Show each line from the listing that includes the word "Category".

**Data extracts:**
◇ ◇ ◇ ◇
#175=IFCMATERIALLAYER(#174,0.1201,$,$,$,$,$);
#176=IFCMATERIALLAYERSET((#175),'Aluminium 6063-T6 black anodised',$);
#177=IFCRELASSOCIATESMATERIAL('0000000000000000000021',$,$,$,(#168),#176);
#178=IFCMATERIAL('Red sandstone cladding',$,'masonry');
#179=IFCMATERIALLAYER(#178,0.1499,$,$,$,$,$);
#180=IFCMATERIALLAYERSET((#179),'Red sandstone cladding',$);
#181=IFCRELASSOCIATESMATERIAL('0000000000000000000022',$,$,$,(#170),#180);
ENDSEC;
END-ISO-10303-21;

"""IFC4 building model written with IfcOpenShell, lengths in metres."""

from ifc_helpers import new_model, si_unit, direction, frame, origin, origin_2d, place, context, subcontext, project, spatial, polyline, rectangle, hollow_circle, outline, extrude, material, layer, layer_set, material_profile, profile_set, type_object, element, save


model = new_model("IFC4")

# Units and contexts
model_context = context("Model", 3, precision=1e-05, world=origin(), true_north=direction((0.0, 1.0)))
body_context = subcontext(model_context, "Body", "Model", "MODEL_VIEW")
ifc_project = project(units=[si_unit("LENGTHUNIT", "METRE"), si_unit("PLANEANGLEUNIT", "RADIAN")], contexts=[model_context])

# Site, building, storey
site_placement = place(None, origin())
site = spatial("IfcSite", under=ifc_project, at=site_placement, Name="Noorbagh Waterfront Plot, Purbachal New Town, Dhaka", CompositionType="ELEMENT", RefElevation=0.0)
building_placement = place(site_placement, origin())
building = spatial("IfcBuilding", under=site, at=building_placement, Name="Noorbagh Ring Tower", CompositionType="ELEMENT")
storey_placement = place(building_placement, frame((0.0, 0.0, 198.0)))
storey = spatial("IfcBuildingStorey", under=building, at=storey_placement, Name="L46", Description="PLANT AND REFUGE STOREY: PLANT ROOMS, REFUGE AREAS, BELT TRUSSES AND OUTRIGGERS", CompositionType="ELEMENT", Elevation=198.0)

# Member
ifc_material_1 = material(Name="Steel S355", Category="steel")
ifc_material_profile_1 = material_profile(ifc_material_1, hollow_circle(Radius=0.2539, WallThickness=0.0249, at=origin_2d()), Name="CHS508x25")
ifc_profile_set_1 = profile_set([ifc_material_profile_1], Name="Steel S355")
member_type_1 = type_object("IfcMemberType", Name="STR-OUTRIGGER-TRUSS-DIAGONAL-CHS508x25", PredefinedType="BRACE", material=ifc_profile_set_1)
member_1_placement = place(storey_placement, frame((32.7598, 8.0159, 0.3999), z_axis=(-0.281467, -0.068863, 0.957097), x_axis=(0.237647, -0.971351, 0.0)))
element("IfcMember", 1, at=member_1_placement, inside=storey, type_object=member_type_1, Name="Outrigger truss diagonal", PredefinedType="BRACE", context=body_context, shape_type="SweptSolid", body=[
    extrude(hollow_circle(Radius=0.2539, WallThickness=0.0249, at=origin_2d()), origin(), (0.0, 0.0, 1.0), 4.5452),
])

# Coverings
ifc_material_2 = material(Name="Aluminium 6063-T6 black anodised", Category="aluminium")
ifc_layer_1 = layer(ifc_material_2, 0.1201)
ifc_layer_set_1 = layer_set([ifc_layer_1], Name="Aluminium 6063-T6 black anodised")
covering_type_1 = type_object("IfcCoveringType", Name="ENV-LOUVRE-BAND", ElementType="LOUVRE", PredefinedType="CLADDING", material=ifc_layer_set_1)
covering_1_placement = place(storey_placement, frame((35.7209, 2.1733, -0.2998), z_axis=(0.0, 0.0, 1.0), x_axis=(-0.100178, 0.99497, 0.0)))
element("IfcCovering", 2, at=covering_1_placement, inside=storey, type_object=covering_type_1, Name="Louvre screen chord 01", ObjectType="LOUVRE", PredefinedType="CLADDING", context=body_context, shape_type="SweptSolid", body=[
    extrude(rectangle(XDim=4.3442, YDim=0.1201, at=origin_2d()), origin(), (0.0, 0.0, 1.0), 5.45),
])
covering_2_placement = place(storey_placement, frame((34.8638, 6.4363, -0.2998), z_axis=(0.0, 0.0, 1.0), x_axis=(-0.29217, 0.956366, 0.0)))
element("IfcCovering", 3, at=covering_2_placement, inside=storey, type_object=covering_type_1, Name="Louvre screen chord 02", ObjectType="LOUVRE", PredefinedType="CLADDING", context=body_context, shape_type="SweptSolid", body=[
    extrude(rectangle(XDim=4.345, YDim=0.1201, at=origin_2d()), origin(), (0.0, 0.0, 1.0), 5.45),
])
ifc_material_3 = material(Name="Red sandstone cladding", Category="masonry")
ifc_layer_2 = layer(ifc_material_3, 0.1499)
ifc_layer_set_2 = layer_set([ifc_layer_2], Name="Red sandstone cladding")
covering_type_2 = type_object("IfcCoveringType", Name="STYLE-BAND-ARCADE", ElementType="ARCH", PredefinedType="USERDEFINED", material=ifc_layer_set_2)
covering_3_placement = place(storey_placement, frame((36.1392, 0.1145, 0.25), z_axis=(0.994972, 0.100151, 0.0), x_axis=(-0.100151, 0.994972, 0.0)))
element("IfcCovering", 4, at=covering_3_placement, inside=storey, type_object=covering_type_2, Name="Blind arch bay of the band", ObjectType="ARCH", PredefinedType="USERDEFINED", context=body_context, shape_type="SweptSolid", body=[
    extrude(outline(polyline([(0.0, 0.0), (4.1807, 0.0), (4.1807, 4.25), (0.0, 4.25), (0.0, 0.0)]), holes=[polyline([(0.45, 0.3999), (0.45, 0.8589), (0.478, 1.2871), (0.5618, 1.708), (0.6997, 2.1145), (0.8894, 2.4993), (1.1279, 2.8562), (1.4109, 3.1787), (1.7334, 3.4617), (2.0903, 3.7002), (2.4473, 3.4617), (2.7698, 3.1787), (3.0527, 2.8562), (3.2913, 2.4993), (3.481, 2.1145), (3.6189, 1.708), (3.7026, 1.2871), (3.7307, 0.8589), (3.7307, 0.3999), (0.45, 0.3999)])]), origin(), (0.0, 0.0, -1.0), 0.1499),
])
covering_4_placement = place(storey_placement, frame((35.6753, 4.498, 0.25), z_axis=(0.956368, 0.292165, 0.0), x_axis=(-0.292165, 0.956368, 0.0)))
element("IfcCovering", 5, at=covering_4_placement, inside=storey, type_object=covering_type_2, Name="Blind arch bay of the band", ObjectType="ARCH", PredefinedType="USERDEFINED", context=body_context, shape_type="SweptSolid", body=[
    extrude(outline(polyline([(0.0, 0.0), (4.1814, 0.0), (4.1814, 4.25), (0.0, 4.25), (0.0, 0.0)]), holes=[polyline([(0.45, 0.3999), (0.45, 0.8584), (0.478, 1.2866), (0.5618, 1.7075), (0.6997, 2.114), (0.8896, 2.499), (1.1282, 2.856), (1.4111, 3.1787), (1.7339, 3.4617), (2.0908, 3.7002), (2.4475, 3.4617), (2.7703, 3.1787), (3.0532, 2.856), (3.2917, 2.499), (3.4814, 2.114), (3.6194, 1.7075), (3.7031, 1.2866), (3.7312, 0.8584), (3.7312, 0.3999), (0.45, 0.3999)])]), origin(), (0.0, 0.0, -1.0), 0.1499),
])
◇ ◇ ◇ ◇
**Task result:**
ifc_material_1 = material(Name="Steel S355", Category="steel")
ifc_material_2 = material(Name="Aluminium 6063-T6 black anodised", Category="aluminium")
ifc_material_3 = material(Name="Red sandstone cladding", Category="masonry")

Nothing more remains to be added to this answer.